## Exercise directions
Copy each line below in which the string "Body" occurs.

(Collected data)
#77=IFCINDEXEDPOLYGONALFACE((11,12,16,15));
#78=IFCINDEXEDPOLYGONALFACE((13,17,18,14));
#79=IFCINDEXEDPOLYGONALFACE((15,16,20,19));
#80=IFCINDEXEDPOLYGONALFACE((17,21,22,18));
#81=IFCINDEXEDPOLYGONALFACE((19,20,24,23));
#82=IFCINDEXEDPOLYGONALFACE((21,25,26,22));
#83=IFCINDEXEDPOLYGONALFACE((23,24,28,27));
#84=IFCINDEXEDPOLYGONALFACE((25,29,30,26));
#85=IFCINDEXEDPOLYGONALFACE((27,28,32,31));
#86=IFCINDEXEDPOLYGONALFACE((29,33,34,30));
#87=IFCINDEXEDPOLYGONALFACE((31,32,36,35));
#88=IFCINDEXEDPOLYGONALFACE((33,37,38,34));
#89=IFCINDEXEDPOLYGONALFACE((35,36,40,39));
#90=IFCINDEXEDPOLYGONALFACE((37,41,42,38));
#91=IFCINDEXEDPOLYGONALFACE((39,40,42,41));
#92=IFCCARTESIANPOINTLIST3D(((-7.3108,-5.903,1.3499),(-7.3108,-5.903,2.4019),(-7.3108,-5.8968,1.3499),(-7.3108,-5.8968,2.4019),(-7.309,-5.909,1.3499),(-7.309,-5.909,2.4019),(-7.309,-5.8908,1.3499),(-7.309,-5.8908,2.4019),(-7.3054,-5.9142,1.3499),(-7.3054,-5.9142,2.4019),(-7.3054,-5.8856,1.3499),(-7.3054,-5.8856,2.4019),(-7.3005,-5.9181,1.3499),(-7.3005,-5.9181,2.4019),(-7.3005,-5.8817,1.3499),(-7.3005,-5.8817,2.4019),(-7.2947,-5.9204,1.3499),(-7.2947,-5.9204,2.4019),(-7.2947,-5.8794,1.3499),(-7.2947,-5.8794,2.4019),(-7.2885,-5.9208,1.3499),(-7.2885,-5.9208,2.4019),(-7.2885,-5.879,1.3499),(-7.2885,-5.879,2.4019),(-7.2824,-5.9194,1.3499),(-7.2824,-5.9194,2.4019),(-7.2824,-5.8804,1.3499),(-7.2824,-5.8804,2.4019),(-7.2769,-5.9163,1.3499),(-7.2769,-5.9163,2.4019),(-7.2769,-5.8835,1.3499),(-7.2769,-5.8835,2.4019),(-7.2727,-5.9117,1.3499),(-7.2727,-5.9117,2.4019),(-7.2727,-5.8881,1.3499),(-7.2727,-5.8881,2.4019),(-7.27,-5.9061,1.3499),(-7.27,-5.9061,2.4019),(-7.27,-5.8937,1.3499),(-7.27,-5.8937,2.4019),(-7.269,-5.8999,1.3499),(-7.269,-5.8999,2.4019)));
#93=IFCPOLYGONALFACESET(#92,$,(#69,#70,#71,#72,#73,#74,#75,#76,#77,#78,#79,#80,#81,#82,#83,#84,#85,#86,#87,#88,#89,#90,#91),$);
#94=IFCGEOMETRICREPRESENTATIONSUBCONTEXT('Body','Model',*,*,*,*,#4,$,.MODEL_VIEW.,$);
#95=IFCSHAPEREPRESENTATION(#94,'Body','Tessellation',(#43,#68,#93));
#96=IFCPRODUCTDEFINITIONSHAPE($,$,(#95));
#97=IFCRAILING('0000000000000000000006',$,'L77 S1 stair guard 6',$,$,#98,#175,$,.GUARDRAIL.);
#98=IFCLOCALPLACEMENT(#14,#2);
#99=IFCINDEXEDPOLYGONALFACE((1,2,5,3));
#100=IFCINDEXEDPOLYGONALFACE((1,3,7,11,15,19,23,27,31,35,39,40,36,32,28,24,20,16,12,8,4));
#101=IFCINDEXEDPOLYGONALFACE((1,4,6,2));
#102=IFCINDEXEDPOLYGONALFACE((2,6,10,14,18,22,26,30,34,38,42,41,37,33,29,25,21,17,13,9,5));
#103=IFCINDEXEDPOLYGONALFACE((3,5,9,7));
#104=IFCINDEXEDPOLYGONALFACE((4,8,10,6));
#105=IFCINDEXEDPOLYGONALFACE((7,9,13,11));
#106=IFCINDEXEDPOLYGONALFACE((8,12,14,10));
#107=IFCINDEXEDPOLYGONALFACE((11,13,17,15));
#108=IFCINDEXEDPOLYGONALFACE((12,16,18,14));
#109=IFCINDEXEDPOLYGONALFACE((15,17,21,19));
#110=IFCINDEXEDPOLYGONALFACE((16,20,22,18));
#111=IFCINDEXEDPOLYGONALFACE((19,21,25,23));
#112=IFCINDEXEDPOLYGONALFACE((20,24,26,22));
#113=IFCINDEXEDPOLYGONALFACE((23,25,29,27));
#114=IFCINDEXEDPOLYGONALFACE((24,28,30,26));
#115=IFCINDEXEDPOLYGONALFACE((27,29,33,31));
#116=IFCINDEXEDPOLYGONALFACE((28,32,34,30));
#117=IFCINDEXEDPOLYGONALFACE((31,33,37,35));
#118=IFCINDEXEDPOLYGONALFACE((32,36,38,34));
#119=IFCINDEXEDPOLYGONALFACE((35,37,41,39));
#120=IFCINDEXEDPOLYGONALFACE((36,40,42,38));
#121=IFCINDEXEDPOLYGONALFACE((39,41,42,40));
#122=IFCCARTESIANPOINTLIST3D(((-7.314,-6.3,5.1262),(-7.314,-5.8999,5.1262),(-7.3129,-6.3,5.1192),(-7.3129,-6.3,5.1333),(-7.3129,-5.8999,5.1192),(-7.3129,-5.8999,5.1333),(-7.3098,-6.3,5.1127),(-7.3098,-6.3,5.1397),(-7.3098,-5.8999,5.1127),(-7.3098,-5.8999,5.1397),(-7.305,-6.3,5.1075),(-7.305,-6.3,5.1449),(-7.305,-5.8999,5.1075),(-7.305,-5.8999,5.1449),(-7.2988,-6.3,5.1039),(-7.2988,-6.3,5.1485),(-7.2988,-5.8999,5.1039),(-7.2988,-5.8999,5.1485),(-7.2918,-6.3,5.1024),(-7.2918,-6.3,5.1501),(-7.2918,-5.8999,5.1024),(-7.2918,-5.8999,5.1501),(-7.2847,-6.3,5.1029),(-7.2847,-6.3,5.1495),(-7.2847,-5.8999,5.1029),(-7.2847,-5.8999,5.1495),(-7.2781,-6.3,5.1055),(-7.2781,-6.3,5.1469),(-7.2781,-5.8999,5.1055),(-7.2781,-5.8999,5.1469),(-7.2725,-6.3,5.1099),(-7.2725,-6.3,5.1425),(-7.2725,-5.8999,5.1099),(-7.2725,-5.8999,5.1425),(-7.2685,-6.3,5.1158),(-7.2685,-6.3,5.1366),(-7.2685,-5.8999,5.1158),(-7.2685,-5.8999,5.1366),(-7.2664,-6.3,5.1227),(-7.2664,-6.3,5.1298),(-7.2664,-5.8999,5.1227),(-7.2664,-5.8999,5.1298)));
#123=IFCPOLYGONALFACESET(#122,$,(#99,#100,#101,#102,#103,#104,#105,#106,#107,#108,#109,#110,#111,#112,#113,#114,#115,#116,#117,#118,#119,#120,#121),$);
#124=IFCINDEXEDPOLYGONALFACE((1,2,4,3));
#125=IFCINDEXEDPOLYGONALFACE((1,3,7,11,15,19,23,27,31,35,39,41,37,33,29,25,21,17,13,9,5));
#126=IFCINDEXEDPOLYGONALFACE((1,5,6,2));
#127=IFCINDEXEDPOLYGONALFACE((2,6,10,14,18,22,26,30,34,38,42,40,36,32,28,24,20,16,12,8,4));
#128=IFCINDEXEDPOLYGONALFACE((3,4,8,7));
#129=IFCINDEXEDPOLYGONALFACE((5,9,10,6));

## Exercise result
#94=IFCGEOMETRICREPRESENTATIONSUBCONTEXT('Body','Model',*,*,*,*,#4,$,.MODEL_VIEW.,$);
#95=IFCSHAPEREPRESENTATION(#94,'Body','Tessellation',(#43,#68,#93));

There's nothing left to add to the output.